* [Problem to work on] Read the records and gather each line that includes "IFCLOCALPLACEMENT".
╔══
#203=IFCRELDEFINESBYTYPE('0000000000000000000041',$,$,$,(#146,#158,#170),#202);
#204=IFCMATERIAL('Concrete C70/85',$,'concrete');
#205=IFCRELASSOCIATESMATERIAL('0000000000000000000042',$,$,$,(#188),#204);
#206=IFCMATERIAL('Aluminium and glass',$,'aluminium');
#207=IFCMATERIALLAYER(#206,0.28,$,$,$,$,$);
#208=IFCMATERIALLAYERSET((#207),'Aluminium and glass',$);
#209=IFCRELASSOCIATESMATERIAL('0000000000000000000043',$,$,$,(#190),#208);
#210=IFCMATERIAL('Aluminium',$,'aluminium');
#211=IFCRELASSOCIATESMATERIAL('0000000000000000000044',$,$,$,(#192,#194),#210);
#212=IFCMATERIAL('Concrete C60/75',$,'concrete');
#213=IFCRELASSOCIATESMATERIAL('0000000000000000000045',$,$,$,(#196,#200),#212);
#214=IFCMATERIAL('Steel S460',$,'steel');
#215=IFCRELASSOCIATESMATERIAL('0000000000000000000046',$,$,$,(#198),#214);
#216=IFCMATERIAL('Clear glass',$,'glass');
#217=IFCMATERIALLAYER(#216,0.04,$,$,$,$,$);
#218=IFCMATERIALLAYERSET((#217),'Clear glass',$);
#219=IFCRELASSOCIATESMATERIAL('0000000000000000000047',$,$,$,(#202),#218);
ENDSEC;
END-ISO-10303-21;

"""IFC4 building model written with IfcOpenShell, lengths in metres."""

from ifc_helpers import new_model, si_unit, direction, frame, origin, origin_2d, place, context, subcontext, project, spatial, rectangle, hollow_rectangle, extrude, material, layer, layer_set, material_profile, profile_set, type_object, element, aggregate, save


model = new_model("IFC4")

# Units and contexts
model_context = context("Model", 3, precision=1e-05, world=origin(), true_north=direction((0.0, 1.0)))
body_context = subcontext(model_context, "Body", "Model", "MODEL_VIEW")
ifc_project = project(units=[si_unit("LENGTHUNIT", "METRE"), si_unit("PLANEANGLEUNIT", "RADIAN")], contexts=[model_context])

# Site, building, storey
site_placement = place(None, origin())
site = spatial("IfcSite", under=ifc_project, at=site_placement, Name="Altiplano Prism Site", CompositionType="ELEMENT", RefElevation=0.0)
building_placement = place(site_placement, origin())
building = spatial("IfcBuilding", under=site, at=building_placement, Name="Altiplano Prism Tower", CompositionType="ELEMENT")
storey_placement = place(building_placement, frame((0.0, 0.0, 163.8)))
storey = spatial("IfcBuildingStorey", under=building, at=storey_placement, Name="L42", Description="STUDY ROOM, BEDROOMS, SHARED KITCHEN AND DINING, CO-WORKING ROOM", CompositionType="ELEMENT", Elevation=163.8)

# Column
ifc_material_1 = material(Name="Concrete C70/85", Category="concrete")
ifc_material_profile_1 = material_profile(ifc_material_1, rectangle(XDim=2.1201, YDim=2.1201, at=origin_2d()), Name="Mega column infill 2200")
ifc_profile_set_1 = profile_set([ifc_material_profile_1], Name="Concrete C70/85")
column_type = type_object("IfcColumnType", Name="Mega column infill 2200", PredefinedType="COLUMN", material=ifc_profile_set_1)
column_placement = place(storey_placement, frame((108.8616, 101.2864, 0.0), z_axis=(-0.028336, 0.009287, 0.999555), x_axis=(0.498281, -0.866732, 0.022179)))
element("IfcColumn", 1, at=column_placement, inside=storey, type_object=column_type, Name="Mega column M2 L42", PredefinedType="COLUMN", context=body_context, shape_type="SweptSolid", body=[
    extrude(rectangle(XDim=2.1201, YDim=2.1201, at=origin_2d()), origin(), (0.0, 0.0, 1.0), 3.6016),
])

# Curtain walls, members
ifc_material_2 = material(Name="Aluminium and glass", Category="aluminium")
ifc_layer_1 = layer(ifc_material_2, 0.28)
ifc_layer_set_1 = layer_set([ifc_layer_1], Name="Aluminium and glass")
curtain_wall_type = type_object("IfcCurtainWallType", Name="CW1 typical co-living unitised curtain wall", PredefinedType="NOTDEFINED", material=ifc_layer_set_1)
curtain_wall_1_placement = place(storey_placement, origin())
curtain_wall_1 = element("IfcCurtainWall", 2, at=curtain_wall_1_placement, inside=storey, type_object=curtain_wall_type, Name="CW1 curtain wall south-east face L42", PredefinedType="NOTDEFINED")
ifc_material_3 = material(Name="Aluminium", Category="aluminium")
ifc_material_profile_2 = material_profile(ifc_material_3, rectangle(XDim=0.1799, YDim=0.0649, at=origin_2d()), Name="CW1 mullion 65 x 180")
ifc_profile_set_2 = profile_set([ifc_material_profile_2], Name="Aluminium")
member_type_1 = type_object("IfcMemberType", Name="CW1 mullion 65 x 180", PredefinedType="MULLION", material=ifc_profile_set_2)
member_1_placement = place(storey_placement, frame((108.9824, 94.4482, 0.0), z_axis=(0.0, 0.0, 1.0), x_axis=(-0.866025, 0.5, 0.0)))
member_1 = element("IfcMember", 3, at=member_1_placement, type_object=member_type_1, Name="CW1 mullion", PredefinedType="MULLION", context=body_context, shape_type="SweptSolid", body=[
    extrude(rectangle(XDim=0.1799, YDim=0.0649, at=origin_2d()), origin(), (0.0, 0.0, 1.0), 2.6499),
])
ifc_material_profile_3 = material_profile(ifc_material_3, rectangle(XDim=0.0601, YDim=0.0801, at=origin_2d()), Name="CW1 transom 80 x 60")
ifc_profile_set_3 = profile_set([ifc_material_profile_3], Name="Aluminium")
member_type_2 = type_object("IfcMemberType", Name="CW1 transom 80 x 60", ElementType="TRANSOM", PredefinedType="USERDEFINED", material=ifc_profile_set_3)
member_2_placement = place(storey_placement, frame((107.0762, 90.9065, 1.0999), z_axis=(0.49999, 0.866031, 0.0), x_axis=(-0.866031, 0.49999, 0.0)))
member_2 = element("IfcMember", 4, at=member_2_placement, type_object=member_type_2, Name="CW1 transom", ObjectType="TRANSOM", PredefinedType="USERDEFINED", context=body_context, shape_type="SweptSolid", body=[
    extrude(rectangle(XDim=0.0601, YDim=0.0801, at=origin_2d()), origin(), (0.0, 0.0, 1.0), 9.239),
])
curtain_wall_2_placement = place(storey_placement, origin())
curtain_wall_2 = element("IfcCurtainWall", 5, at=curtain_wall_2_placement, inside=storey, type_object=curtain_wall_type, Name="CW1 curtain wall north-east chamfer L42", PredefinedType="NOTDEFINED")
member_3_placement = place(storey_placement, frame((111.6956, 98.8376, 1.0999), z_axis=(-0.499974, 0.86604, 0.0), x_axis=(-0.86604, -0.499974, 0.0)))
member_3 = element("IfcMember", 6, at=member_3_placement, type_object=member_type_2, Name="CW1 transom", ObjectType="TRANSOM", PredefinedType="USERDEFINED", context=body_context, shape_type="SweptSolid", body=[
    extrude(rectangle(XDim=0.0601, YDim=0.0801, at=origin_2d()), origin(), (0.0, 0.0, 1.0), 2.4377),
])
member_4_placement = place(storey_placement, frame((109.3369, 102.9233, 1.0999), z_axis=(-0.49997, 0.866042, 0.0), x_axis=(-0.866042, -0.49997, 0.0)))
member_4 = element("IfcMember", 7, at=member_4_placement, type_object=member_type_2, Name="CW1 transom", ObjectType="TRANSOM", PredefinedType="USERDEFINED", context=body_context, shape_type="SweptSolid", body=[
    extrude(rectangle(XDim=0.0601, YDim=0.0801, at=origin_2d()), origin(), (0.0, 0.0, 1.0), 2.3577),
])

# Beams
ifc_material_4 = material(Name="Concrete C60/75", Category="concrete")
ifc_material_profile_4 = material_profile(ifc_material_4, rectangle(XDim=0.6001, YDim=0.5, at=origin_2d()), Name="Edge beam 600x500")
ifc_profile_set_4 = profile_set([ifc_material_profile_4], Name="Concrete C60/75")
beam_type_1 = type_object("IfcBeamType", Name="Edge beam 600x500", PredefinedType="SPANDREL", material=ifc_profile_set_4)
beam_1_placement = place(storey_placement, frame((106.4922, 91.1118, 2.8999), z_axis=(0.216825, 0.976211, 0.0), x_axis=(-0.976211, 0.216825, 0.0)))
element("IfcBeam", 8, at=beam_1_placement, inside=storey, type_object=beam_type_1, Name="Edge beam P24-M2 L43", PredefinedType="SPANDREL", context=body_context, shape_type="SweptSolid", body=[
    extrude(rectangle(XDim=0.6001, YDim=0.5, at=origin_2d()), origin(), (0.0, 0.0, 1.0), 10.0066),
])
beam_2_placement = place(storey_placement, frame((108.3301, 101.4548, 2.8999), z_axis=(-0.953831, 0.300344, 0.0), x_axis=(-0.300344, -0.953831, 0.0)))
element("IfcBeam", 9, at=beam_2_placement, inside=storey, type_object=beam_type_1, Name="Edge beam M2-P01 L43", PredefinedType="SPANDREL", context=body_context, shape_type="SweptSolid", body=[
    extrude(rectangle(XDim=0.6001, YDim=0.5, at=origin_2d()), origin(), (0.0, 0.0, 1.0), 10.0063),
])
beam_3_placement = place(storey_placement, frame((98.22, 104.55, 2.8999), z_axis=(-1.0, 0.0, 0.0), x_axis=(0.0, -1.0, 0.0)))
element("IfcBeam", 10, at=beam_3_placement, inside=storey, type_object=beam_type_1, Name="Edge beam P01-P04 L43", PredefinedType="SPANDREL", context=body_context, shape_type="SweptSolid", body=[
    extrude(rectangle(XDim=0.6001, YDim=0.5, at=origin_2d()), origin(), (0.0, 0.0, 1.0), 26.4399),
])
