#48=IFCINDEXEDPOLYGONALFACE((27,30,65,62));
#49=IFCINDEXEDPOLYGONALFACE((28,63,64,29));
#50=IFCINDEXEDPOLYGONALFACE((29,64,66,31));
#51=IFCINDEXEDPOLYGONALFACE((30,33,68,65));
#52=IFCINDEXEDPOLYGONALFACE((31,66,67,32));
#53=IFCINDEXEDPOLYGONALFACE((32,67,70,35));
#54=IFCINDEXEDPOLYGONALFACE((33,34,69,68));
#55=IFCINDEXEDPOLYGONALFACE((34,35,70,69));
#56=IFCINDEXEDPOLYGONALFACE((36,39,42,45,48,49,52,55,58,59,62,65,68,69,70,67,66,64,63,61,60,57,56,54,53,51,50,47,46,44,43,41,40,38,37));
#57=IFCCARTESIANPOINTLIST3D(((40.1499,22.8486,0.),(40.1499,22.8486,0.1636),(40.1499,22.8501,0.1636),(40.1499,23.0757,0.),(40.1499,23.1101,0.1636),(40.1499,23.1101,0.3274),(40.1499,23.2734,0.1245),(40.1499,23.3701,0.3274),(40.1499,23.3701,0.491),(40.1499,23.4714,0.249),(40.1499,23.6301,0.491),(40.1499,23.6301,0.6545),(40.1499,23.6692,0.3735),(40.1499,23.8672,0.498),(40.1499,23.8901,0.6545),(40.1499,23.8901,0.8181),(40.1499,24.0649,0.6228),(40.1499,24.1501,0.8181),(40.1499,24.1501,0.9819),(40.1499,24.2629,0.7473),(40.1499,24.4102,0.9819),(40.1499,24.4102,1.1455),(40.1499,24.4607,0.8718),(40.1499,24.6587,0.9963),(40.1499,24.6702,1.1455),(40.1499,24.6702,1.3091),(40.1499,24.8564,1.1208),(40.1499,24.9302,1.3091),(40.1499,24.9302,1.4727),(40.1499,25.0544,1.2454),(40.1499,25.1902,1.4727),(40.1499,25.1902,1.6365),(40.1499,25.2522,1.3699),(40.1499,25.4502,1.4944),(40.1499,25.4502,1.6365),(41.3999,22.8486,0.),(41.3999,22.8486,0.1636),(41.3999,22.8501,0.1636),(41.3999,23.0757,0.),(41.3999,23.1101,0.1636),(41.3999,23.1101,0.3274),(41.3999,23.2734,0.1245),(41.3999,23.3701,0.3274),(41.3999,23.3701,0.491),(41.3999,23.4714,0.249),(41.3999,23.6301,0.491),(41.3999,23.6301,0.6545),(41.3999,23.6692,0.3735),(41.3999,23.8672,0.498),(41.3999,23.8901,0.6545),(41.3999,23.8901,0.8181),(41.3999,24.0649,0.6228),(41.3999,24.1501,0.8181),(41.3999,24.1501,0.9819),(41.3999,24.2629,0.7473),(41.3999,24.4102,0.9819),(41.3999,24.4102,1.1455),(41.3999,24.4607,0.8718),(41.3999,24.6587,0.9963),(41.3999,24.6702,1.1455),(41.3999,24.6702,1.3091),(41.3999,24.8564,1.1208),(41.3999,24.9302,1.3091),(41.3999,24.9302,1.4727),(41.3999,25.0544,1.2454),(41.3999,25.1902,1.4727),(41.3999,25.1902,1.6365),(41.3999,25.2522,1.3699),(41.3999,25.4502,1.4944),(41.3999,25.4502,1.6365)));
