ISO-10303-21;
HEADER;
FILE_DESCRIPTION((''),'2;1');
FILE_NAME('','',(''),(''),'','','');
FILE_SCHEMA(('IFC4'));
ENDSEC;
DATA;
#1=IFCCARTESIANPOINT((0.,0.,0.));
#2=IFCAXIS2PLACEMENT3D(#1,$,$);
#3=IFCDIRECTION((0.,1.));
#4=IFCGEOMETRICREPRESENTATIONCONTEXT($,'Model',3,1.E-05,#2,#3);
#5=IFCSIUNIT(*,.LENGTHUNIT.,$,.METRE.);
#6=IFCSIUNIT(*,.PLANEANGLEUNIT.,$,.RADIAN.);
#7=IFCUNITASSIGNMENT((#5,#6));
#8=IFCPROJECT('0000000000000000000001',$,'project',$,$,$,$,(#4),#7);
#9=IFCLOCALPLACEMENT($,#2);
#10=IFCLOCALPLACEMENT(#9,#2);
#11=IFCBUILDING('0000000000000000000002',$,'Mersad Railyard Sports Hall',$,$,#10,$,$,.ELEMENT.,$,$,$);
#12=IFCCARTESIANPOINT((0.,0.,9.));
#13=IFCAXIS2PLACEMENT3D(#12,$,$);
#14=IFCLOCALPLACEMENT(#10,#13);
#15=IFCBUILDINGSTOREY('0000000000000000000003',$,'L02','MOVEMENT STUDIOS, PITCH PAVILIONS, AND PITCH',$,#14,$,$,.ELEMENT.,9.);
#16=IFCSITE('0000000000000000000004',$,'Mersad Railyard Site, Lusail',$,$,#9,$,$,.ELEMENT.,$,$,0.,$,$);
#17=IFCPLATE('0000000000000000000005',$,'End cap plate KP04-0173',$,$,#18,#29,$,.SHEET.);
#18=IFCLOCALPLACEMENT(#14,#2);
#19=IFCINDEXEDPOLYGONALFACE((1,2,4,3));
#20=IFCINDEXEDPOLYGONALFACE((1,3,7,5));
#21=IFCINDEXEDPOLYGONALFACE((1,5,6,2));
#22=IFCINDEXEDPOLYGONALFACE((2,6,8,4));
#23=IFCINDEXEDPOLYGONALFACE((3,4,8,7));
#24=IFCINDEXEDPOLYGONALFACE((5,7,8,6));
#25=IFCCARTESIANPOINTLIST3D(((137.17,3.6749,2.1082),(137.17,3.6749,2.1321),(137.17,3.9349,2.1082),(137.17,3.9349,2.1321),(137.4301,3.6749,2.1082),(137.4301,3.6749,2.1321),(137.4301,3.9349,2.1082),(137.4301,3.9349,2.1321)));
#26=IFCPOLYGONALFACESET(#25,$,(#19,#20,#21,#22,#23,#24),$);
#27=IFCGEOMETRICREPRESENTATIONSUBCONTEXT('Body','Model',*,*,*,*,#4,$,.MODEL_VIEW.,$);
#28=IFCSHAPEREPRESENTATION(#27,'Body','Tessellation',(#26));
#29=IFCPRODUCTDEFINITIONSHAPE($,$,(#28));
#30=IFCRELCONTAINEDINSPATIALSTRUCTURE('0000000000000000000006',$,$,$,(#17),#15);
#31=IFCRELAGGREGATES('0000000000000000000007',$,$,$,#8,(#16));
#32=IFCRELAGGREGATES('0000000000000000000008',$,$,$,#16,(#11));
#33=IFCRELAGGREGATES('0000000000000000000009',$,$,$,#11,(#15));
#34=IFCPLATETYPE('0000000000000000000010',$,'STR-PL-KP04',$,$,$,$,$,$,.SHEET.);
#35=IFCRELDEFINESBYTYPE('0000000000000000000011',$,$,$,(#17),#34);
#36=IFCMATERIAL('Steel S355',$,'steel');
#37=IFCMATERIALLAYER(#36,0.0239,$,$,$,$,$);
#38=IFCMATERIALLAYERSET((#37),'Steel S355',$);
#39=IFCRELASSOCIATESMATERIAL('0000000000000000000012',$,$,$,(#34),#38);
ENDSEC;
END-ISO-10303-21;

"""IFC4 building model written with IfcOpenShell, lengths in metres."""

from ifc_helpers import new_model, si_unit, direction, frame, origin, origin_2d, place, context, subcontext, project, spatial, rectangle, extrude, material, layer, layer_set, type_object, element, save


model = new_model("IFC4")

# Units and contexts
model_context = context("Model", 3, precision=1e-05, world=origin(), true_north=direction((0.0, 1.0)))
body_context = subcontext(model_context, "Body", "Model", "MODEL_VIEW")
ifc_project = project(units=[si_unit("LENGTHUNIT", "METRE"), si_unit("PLANEANGLEUNIT", "RADIAN")], contexts=[model_context])

# Site, building, storey
site_placement = place(None, origin())
site = spatial("IfcSite", under=ifc_project, at=site_placement, Name="Mersad Railyard Site, Lusail", CompositionType="ELEMENT", RefElevation=0.0)
building_placement = place(site_placement, origin())
building = spatial("IfcBuilding", under=site, at=building_placement, Name="Mersad Railyard Sports Hall", CompositionType="ELEMENT")
storey_placement = place(building_placement, frame((0.0, 0.0, 9.0)))
storey = spatial("IfcBuildingStorey", under=building, at=storey_placement, Name="L02", Description="MOVEMENT STUDIOS, PITCH PAVILIONS, AND PITCH", CompositionType="ELEMENT", Elevation=9.0)

# Shared definitions
ifc_material_1 = material(Name="Steel S355", Category="steel")

# Plate
ifc_layer_1 = layer(ifc_material_1, 0.0239)
ifc_layer_set_1 = layer_set([ifc_layer_1], Name="Steel S355")
plate_type_1 = type_object("IfcPlateType", Name="STR-PL-KP04", PredefinedType="SHEET", material=ifc_layer_set_1)
plate_1_placement = place(storey_placement, frame((137.3, 3.8049, 2.1082), z_axis=(0.0, 0.0, 1.0), x_axis=(1.0, 0.0, 0.0)))
element("IfcPlate", 1, at=plate_1_placement, inside=storey, type_object=plate_type_1, Name="End cap plate KP04-0173", PredefinedType="SHEET", context=body_context, shape_type="SweptSolid", body=[
    extrude(rectangle(XDim=0.26, YDim=0.26, at=origin_2d()), origin(), (0.0, 0.0, 1.0), 0.0239),
])

save(model, "model.ifc")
╚══
* [Exercise answer]
#9=IFCLOCALPLACEMENT($,#2);
#10=IFCLOCALPLACEMENT(#9,#2);
#14=IFCLOCALPLACEMENT(#10,#13);
#18=IFCLOCALPLACEMENT(#14,#2);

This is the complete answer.